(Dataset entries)
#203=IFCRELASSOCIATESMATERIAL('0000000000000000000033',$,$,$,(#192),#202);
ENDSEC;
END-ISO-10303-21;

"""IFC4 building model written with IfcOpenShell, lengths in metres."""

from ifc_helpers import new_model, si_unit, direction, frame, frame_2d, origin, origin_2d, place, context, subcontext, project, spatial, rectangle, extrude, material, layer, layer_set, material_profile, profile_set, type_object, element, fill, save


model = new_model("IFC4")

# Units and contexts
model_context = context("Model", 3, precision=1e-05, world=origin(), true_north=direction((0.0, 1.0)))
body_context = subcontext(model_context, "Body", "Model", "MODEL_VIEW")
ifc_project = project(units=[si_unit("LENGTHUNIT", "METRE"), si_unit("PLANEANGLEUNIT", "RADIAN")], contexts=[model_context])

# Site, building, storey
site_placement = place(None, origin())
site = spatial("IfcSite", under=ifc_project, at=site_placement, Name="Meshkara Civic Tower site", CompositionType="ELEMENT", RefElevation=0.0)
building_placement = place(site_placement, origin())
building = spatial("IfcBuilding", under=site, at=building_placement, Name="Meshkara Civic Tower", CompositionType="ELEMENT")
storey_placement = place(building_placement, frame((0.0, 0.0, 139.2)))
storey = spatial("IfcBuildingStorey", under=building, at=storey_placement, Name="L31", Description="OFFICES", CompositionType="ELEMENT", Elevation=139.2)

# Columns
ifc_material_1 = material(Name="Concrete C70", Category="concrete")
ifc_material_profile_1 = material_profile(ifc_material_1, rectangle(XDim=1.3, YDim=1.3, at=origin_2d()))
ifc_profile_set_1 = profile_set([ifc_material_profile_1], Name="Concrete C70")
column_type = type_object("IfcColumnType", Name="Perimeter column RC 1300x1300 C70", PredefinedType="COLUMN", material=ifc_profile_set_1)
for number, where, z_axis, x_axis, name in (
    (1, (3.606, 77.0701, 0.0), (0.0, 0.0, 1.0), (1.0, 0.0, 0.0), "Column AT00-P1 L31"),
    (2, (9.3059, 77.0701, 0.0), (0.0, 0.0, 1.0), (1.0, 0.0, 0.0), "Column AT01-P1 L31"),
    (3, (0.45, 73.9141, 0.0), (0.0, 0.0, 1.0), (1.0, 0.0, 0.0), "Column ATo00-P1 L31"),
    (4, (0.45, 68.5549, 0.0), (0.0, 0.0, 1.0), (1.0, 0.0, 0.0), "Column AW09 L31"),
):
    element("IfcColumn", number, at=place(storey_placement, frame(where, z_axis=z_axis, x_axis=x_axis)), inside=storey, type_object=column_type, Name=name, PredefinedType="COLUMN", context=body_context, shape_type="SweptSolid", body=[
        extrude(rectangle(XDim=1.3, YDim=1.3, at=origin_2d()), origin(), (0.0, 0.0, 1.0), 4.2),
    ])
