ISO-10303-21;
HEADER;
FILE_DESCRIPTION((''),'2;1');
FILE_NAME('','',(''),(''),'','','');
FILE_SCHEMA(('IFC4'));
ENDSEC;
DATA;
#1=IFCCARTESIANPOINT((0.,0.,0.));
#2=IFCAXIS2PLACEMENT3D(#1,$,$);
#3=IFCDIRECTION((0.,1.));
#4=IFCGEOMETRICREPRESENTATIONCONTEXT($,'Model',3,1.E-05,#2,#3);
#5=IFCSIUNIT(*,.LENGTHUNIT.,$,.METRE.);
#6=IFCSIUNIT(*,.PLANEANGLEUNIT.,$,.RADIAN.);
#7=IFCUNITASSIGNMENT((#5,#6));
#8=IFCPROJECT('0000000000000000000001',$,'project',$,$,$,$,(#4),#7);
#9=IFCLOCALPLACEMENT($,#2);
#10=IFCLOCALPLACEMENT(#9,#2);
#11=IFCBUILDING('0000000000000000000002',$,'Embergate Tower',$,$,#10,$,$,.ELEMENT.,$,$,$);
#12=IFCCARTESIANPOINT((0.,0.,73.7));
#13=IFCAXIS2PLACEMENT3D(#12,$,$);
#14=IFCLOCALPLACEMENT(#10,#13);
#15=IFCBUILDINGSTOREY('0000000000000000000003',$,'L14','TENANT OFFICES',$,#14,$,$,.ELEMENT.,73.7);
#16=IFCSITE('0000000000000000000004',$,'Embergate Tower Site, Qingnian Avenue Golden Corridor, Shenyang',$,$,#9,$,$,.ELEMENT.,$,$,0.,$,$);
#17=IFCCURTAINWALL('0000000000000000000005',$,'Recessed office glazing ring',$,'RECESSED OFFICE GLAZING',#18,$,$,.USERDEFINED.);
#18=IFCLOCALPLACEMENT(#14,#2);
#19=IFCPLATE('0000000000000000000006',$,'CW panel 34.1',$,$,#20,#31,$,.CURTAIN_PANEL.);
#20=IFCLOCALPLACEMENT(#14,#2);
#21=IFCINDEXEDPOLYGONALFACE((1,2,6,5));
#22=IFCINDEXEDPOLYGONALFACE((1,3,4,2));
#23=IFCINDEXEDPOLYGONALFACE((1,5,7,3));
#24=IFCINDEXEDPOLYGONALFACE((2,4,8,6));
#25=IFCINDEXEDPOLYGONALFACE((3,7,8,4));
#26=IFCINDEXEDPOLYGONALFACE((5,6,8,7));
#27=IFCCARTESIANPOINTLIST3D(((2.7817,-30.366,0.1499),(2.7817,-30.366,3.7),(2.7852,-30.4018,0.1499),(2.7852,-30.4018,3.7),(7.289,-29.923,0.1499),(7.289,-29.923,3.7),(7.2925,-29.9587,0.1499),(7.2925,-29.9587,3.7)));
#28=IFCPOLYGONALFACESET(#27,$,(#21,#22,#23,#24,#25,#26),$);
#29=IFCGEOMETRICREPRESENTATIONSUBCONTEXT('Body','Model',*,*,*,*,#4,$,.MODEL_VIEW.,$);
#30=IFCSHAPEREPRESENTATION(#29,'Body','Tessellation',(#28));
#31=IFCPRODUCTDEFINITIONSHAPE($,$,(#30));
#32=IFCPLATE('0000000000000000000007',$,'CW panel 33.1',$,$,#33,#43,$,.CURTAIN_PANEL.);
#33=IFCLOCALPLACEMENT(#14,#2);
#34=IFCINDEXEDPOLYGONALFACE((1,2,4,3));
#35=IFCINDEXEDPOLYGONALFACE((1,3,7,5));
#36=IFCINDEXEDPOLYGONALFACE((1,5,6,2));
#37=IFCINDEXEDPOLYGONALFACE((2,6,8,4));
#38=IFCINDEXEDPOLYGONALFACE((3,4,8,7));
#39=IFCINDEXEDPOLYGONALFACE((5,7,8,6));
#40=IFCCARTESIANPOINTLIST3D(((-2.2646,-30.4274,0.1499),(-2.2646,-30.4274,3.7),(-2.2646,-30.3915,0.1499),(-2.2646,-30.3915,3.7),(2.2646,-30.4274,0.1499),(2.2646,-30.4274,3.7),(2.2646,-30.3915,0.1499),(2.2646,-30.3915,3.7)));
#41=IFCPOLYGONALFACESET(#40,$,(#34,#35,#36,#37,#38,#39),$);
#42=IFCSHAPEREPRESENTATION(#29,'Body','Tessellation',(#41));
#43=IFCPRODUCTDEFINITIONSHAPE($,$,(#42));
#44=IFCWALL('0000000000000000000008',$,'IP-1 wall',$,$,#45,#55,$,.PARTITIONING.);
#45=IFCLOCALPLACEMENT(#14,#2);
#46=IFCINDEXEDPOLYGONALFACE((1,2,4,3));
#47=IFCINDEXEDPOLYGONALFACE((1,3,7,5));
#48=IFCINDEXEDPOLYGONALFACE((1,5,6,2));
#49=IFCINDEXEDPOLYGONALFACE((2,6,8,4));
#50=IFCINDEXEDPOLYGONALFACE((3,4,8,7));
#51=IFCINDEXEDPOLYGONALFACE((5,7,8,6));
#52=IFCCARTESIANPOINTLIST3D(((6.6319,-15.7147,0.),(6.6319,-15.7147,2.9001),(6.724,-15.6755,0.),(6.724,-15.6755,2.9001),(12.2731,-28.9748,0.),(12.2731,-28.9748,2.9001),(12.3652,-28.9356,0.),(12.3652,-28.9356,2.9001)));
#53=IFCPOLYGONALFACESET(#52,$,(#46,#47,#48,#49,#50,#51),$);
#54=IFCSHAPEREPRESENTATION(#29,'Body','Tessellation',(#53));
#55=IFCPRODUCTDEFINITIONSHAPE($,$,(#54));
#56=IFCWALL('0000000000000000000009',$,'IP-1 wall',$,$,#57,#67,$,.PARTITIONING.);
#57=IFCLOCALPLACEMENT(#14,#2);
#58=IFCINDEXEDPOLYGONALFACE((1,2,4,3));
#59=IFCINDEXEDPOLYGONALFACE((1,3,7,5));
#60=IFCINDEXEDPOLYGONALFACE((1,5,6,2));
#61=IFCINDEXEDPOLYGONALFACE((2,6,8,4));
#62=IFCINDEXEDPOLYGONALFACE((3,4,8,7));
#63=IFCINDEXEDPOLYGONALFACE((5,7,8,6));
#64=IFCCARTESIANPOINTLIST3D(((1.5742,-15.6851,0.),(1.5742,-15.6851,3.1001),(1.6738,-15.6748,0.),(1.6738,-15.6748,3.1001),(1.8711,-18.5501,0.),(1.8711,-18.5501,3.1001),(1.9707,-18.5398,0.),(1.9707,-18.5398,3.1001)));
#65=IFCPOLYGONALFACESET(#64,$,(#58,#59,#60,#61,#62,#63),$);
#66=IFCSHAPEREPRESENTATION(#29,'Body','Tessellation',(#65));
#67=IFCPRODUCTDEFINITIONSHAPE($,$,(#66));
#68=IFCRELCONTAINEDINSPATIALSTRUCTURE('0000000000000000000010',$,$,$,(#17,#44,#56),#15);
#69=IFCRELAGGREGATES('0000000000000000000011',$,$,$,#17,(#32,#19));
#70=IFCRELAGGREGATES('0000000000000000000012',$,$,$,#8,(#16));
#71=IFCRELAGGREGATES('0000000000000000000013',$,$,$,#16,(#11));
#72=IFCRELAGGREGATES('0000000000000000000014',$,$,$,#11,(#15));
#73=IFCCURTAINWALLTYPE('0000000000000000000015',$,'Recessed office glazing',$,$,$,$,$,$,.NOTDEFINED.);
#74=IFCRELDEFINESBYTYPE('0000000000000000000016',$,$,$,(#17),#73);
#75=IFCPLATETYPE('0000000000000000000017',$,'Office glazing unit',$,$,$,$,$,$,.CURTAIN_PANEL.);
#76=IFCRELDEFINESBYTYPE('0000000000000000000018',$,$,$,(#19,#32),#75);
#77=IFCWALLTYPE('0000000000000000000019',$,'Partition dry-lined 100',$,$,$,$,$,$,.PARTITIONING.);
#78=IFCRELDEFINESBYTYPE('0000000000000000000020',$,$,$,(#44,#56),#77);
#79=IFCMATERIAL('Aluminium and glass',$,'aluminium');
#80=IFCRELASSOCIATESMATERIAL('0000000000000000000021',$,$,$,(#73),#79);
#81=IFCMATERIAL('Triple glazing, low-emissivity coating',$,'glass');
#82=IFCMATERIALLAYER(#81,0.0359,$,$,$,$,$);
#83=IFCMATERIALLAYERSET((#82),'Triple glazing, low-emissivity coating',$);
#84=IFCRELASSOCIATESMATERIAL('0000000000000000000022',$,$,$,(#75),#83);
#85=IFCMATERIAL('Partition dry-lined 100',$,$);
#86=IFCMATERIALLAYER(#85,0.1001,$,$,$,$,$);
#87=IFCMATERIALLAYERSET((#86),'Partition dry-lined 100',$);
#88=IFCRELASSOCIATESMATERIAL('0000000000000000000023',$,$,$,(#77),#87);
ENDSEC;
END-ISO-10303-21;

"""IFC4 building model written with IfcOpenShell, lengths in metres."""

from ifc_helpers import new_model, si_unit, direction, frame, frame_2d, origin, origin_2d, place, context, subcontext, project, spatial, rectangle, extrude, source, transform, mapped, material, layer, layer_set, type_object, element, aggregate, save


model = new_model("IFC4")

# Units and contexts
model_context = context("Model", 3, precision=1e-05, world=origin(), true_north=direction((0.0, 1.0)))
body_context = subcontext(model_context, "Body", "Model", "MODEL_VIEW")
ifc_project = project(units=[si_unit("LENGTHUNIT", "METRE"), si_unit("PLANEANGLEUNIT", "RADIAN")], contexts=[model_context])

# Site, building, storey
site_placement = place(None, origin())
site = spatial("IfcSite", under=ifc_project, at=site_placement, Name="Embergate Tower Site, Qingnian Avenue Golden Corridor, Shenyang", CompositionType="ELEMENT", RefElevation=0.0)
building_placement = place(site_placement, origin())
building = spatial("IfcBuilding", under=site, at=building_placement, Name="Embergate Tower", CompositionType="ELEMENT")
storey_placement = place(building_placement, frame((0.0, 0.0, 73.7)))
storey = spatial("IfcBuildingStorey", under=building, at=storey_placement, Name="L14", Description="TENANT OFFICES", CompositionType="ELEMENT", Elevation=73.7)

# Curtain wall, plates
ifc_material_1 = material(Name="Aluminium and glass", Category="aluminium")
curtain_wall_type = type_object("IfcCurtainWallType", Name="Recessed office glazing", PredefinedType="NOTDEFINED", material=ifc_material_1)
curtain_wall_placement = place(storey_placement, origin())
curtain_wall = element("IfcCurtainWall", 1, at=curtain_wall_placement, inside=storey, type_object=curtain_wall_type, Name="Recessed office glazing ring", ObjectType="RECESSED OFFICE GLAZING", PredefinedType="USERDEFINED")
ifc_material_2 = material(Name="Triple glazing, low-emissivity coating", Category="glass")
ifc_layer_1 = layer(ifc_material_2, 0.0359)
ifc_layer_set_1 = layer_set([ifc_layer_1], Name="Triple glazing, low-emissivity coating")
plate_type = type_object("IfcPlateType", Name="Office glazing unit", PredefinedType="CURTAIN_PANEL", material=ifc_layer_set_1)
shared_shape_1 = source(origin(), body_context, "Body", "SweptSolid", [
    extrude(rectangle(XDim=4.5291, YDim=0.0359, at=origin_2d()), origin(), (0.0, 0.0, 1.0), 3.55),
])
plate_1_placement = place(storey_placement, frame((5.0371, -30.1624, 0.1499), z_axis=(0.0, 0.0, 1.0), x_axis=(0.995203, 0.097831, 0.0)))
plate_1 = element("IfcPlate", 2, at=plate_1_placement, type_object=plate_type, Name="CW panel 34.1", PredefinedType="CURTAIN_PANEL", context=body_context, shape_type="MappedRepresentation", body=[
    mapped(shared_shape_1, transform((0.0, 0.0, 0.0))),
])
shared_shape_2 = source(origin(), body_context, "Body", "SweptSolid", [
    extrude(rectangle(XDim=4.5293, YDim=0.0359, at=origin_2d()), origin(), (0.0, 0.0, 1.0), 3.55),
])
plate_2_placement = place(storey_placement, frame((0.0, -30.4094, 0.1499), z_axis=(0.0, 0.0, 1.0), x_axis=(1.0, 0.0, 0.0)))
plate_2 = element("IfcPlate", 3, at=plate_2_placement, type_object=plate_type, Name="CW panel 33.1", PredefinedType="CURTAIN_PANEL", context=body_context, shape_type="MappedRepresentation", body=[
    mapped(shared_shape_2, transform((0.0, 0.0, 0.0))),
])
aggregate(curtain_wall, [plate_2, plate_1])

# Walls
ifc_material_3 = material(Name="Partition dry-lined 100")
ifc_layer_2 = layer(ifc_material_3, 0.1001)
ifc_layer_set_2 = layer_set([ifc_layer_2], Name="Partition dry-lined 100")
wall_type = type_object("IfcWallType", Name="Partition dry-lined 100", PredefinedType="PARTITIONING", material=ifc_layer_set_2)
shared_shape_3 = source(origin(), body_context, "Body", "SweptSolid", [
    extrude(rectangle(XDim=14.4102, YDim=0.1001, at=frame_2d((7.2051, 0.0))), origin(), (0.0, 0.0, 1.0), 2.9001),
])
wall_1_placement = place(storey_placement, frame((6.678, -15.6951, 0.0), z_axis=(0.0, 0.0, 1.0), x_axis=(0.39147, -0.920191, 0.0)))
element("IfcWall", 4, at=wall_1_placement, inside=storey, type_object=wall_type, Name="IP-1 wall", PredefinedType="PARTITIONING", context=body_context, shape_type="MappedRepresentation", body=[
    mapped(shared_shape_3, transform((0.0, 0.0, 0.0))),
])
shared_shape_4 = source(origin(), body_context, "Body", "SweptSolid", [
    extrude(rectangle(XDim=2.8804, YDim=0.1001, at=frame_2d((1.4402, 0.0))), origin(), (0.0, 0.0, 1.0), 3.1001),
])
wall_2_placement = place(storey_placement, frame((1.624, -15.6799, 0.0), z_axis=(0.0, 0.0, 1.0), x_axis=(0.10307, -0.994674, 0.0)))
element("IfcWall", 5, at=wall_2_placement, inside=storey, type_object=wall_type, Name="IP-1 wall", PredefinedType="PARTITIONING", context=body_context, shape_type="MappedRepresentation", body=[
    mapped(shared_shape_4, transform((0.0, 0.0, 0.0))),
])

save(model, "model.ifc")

==

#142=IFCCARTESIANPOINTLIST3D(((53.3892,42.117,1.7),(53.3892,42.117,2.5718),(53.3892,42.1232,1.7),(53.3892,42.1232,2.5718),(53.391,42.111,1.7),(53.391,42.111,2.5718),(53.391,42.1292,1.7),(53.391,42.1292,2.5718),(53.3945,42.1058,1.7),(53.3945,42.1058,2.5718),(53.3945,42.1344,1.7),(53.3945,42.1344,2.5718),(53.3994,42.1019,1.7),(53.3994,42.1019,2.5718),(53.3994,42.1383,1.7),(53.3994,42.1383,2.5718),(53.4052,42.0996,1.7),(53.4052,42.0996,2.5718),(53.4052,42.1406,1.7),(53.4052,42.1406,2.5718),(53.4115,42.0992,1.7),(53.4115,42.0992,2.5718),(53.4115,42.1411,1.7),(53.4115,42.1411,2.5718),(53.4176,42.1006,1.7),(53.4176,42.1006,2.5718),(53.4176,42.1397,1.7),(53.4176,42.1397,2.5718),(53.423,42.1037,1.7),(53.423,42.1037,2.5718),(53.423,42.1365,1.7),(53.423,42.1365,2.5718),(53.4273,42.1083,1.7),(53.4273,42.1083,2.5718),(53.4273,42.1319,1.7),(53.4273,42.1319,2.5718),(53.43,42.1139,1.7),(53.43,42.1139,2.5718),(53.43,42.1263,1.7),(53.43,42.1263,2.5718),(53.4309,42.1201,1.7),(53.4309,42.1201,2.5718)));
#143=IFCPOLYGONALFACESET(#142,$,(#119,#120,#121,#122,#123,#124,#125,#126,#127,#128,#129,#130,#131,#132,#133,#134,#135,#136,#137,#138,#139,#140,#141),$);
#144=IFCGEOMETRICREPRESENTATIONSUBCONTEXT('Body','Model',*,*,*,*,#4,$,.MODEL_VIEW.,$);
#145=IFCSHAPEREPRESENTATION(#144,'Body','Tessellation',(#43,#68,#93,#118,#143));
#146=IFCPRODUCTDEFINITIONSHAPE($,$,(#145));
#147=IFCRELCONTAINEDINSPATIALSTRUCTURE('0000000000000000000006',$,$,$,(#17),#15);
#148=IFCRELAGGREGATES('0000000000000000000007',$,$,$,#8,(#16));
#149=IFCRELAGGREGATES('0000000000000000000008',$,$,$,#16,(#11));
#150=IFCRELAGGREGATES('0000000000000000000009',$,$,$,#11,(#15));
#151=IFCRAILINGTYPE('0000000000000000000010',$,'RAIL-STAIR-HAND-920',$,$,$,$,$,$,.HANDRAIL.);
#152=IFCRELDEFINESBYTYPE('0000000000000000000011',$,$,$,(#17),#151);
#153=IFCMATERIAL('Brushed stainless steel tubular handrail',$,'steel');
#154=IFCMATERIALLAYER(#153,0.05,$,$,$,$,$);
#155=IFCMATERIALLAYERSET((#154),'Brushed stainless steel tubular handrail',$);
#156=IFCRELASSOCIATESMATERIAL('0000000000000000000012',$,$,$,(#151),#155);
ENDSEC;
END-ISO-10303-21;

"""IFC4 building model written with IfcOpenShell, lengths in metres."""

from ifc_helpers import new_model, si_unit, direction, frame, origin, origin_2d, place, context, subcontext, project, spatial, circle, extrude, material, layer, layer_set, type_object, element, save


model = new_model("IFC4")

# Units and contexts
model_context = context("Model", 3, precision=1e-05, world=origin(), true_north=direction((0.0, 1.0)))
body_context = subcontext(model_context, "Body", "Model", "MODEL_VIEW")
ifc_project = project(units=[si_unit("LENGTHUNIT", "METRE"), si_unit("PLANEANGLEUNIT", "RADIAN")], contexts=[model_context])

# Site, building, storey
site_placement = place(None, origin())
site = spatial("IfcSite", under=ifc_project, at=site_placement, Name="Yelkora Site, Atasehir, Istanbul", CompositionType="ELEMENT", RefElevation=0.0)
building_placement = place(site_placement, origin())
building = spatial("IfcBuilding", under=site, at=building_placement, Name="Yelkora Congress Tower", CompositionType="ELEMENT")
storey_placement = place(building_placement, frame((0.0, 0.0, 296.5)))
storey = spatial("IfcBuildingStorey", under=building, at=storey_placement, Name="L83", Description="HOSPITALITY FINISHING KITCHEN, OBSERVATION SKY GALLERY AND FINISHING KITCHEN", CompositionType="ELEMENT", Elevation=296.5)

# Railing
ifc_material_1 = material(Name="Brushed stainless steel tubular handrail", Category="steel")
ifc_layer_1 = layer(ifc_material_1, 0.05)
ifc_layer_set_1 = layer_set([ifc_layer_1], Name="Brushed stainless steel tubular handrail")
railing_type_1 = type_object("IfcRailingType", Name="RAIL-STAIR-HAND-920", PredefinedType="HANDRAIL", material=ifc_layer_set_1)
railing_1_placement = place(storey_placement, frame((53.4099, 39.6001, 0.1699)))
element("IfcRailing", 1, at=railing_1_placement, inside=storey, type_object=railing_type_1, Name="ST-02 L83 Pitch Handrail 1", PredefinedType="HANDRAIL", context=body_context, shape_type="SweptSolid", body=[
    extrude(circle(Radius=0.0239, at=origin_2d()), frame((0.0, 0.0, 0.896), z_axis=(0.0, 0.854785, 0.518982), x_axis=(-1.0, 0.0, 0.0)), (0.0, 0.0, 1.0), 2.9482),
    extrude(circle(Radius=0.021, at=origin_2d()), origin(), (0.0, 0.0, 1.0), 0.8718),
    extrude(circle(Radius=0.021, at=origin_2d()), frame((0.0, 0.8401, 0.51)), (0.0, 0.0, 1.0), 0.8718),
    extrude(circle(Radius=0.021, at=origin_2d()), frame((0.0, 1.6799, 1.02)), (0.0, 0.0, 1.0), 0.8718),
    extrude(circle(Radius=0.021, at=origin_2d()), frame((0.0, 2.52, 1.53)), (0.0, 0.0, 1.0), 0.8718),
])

Task description => Could you return all lines from the records that include the word "Meshkara"?

Reply to the task =>
site = spatial("IfcSite", under=ifc_project, at=site_placement, Name="Meshkara Civic Tower site", CompositionType="ELEMENT", RefElevation=0.0)
building = spatial("IfcBuilding", under=site, at=building_placement, Name="Meshkara Civic Tower", CompositionType="ELEMENT")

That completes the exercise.